-------- Records shown

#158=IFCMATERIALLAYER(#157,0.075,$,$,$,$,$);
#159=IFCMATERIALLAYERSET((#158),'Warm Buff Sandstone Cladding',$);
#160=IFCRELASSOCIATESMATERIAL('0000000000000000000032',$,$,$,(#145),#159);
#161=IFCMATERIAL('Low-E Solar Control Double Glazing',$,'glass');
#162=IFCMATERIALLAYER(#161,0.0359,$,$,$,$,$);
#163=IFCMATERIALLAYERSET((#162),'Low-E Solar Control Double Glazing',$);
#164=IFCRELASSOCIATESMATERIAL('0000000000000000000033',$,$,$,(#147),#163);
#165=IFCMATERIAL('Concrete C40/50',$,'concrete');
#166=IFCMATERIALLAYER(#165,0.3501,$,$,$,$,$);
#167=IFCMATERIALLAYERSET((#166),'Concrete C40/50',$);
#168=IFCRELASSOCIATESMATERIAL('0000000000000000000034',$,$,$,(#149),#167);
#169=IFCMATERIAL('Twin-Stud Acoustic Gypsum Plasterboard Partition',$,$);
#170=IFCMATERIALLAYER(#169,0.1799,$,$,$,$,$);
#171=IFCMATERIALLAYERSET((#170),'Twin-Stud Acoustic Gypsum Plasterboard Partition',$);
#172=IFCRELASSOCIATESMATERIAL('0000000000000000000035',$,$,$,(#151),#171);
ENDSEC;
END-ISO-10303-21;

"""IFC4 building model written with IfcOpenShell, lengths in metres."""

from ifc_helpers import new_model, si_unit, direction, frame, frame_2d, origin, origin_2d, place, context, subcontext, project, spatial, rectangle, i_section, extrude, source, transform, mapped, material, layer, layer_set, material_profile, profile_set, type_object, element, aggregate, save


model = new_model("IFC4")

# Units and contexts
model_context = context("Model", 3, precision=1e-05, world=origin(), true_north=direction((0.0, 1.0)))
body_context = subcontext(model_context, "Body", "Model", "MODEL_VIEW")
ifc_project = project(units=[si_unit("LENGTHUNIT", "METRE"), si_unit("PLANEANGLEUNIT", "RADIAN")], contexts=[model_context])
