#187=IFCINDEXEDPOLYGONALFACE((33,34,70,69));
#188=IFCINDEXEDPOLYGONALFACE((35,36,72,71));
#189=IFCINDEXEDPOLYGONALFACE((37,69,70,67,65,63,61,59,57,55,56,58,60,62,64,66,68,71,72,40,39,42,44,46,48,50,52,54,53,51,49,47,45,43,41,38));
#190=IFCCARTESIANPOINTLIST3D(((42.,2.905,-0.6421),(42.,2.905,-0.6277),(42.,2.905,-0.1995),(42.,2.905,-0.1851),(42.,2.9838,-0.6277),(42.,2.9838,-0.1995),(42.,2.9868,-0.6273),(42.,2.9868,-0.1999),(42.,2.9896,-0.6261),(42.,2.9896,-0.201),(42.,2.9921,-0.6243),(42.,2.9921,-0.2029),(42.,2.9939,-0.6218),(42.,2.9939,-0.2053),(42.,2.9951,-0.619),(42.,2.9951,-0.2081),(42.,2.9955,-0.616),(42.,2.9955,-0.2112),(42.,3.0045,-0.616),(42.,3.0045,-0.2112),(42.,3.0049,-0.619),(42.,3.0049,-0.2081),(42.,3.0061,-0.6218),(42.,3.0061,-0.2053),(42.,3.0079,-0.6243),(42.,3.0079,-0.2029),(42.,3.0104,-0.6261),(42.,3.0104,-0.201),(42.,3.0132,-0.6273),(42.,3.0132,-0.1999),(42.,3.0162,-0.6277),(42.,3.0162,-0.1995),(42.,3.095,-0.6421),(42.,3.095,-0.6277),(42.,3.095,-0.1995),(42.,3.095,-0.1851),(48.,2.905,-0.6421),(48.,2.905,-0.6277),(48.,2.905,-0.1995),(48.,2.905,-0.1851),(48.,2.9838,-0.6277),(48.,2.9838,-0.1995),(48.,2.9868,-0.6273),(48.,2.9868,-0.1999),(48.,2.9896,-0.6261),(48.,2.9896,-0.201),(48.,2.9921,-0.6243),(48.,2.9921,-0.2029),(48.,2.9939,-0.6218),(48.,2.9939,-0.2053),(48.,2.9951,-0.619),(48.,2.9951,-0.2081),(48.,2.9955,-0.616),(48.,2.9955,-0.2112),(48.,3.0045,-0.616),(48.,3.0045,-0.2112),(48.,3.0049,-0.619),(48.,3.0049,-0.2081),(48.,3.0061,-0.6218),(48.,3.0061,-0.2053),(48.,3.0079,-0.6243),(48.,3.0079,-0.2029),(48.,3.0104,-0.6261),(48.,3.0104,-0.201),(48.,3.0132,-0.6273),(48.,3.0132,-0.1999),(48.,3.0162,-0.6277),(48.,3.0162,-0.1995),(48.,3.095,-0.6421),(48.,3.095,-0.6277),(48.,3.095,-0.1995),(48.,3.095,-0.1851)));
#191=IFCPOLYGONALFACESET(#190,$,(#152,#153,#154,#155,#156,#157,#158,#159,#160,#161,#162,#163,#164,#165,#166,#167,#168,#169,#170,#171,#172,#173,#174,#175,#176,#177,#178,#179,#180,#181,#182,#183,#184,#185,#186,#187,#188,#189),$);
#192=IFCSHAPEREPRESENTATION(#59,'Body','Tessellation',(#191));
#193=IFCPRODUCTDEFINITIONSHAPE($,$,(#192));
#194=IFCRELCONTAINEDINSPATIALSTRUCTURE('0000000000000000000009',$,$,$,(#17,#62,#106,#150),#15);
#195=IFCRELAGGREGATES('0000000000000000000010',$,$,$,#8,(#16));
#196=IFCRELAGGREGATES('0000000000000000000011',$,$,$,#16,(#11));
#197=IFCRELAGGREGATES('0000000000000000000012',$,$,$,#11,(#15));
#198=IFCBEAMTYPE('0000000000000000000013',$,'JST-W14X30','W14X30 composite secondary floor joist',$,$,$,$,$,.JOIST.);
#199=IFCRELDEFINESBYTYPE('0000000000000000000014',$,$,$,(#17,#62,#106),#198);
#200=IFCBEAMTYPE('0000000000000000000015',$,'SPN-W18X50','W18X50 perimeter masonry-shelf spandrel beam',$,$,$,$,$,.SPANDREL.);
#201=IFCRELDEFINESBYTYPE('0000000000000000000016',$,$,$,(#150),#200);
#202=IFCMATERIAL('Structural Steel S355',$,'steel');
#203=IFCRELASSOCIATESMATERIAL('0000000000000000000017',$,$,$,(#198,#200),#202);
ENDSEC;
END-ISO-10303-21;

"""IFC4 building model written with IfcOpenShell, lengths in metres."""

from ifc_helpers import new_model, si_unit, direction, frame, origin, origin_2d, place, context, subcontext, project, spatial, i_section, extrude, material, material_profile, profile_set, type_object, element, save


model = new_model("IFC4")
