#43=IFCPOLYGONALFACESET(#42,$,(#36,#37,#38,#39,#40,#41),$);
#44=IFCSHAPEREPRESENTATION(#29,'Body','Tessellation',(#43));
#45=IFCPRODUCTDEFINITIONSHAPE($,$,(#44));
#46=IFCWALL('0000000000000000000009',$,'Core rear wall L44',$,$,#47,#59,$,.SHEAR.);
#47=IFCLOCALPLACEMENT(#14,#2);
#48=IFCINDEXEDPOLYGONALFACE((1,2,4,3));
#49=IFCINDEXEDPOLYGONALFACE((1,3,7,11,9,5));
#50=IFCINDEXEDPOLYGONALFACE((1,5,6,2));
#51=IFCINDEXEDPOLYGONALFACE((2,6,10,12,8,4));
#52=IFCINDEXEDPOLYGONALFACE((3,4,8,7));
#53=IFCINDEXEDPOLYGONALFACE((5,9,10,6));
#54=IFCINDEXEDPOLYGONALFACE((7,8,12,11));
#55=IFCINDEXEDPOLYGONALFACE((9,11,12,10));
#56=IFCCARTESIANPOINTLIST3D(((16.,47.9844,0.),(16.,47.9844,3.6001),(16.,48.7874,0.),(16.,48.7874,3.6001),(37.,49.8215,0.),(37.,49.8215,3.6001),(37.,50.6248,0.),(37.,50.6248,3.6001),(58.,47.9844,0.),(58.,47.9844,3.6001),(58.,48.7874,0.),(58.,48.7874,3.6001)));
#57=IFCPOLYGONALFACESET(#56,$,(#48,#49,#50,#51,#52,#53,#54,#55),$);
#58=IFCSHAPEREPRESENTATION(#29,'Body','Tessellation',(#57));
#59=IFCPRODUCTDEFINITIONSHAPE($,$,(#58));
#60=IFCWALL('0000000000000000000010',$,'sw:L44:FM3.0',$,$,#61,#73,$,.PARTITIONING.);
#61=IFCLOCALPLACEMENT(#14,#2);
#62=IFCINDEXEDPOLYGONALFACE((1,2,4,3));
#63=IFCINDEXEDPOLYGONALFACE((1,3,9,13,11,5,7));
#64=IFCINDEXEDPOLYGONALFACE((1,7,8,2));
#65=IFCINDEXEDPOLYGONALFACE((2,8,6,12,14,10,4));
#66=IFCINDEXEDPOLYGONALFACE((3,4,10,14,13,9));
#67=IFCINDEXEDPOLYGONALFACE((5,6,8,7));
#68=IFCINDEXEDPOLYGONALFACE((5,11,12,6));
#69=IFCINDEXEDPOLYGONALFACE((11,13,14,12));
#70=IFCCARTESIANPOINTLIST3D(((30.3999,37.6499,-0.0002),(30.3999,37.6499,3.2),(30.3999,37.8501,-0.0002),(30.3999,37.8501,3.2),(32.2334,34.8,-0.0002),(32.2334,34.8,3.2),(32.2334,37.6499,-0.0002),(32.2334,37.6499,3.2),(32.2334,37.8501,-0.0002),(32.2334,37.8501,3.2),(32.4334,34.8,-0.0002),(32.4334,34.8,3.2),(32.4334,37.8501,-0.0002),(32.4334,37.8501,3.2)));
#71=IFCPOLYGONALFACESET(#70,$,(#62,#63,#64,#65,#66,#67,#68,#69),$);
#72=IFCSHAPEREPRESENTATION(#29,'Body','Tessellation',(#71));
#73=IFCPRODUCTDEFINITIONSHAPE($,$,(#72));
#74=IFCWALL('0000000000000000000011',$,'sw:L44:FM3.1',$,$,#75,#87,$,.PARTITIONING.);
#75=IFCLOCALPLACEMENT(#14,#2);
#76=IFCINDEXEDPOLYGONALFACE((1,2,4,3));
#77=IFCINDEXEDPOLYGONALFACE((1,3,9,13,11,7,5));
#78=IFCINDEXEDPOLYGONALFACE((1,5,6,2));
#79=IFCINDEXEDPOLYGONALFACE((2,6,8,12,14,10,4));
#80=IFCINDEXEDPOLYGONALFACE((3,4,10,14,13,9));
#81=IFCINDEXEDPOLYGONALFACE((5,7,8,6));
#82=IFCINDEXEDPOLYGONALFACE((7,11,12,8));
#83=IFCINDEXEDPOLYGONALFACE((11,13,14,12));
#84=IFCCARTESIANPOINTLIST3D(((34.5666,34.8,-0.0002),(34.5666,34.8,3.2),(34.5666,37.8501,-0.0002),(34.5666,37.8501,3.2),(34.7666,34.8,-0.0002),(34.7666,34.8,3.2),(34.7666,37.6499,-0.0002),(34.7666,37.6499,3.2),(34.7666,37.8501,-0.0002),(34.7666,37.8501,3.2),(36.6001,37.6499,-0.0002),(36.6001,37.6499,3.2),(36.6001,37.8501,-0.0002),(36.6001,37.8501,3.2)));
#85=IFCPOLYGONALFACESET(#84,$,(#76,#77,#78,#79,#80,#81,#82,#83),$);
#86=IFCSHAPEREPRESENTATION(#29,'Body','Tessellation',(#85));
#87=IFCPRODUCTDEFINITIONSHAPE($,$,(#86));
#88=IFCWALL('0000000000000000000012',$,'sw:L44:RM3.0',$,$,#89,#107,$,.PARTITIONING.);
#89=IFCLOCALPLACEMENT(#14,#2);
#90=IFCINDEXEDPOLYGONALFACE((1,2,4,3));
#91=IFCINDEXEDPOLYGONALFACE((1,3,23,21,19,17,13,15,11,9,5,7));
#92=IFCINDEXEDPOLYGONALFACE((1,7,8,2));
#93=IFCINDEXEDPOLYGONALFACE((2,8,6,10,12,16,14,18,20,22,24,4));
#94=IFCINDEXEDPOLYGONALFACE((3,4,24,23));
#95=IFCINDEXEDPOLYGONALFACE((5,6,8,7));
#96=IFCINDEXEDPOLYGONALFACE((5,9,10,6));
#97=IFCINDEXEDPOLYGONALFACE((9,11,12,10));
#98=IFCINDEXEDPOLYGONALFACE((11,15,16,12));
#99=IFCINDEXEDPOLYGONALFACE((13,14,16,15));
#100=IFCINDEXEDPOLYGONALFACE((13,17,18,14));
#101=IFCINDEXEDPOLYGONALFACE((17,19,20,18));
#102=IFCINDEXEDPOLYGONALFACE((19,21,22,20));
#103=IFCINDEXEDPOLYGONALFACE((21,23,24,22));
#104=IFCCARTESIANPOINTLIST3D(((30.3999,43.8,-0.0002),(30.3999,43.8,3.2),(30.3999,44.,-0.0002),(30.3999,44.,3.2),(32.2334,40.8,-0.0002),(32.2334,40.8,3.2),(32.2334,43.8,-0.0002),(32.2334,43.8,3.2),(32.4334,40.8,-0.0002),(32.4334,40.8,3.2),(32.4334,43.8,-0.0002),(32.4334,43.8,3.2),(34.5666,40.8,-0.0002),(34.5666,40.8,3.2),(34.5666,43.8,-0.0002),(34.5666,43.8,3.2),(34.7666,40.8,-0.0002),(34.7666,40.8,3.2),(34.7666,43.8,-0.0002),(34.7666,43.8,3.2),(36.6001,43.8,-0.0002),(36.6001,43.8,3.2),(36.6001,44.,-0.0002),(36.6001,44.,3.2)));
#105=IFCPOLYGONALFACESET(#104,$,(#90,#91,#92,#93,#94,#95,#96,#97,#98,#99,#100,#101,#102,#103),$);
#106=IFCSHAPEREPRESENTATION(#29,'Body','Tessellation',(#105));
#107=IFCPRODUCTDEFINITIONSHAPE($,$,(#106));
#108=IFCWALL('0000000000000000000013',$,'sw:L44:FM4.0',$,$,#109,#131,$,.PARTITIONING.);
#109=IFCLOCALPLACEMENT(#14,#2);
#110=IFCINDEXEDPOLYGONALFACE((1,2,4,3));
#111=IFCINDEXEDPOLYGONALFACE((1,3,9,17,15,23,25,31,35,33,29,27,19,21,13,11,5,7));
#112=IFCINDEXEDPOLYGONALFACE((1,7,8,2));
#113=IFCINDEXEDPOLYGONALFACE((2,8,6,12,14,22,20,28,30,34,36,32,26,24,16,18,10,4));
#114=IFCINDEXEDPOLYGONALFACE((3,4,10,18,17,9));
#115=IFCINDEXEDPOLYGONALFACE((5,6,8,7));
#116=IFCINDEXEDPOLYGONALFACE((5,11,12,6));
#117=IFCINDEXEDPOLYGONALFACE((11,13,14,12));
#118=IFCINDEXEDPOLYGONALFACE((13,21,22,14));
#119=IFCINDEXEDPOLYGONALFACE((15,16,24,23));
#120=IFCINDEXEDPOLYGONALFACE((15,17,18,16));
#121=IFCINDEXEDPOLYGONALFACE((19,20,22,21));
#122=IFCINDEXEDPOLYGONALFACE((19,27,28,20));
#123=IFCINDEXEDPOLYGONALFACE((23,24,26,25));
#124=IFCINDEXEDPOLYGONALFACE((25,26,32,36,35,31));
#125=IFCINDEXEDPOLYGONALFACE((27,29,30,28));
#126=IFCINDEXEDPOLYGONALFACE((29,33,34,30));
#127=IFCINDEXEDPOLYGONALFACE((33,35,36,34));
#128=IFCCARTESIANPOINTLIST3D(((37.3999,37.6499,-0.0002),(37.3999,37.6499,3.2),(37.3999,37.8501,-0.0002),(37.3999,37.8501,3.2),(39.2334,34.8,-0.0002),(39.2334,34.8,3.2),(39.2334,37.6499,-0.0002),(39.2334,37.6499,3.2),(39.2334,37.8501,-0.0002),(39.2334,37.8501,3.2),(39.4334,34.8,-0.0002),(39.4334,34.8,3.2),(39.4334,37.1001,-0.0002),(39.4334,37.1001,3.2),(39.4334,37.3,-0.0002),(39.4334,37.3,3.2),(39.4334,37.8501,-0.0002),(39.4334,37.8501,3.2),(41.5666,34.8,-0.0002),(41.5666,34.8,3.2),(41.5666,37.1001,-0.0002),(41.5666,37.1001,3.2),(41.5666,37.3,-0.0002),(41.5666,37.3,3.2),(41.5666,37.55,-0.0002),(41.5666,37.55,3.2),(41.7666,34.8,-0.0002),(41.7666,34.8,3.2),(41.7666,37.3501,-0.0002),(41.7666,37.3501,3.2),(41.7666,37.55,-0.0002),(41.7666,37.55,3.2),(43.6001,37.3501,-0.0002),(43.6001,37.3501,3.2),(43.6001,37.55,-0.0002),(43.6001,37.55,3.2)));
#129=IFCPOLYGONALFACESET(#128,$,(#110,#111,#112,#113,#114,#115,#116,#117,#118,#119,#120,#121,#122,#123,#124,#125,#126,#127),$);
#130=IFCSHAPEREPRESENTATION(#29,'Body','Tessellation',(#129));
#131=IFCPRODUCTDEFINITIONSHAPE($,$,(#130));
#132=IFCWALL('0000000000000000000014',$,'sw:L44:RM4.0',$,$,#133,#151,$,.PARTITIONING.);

----------------

## Task statement
The records are given above. Copy each line in them that holds "Twin".

## Exercise output
#169=IFCMATERIAL('Twin-Stud Acoustic Gypsum Plasterboard Partition',$,$);
#171=IFCMATERIALLAYERSET((#170),'Twin-Stud Acoustic Gypsum Plasterboard Partition',$);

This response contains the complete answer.